Task details:
I would like every line of the records below that contains the word "Grade" copied.

Records excerpted from a collection
########

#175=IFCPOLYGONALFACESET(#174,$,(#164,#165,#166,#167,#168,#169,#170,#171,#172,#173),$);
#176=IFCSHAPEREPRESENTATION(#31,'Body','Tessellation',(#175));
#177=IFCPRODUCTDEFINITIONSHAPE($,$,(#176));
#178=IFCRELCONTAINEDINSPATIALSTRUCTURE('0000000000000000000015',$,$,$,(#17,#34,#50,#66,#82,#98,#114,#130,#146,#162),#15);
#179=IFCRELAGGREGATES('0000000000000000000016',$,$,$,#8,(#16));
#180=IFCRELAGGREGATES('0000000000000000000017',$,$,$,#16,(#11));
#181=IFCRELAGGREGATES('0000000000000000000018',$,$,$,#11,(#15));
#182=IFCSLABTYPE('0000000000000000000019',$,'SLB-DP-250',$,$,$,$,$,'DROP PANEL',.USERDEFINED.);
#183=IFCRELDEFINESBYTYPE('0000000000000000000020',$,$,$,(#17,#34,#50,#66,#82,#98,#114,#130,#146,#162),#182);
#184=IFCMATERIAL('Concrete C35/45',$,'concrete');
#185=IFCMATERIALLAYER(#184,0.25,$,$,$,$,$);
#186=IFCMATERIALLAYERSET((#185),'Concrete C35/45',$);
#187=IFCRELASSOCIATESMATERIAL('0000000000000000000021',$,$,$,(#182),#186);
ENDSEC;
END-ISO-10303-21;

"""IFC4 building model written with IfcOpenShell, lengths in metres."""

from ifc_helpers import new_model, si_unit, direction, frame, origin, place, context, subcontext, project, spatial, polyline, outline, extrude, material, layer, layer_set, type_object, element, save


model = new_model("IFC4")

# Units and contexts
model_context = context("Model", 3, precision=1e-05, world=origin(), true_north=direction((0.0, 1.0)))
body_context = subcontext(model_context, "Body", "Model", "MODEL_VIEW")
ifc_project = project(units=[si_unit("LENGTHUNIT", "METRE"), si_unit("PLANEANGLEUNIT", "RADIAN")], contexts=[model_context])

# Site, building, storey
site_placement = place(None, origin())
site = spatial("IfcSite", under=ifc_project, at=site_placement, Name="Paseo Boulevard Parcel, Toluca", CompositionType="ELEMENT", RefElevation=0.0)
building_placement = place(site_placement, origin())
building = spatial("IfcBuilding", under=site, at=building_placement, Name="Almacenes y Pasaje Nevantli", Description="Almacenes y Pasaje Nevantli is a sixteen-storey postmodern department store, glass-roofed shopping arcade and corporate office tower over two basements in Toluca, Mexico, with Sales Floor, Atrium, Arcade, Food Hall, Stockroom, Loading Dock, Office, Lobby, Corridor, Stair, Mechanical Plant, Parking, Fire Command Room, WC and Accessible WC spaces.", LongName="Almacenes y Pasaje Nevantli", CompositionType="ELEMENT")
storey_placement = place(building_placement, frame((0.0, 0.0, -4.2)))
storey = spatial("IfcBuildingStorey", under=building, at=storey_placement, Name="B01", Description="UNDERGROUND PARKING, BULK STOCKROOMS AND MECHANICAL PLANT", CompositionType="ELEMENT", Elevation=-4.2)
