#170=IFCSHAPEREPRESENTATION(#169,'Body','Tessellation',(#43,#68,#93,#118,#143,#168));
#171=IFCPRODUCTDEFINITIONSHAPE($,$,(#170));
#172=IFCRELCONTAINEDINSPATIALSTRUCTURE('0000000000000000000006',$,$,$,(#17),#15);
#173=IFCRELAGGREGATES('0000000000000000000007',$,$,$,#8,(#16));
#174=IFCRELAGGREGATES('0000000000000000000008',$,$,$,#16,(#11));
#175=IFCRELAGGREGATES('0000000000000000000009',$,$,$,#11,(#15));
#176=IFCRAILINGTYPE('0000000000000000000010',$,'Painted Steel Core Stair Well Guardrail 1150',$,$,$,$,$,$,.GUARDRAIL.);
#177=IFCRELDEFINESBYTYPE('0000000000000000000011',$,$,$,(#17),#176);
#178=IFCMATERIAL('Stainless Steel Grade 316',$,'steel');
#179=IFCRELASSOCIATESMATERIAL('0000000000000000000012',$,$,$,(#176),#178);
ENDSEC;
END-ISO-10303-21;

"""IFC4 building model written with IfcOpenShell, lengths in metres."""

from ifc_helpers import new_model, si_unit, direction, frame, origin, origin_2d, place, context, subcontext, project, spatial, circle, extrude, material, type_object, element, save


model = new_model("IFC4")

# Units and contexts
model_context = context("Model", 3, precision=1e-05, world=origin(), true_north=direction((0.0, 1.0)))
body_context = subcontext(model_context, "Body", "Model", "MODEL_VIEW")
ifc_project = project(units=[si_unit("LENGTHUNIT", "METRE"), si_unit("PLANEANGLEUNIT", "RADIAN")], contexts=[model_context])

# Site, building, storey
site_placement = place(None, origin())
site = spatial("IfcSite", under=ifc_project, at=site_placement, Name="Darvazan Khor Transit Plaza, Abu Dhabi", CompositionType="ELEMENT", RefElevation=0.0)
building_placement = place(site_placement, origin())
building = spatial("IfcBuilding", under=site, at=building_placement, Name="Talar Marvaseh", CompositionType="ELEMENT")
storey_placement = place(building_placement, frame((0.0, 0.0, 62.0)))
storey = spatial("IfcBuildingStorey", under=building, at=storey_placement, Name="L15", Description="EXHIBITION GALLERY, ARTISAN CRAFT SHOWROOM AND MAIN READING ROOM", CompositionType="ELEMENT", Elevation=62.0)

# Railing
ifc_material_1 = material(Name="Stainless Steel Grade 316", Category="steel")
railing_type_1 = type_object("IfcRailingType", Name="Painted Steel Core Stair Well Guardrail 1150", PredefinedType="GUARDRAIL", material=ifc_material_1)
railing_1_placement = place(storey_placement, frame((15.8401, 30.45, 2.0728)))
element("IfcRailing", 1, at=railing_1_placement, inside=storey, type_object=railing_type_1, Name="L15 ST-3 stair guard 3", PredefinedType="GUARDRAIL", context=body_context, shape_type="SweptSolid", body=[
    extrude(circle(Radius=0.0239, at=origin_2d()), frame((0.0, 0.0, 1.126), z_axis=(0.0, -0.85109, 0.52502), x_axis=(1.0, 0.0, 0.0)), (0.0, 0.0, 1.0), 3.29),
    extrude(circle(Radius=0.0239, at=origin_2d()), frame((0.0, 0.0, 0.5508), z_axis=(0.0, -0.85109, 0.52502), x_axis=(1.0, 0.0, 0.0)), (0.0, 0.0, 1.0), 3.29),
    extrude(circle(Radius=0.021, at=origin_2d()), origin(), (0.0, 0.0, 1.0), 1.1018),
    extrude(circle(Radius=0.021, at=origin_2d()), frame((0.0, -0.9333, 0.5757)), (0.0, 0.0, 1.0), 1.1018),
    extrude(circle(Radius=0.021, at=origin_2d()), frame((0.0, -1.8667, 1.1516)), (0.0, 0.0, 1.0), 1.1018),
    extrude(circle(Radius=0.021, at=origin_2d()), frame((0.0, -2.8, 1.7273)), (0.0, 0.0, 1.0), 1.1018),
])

########

Answer to the exercise:
#178=IFCMATERIAL('Stainless Steel Grade 316',$,'steel');
ifc_material_1 = material(Name="Stainless Steel Grade 316", Category="steel")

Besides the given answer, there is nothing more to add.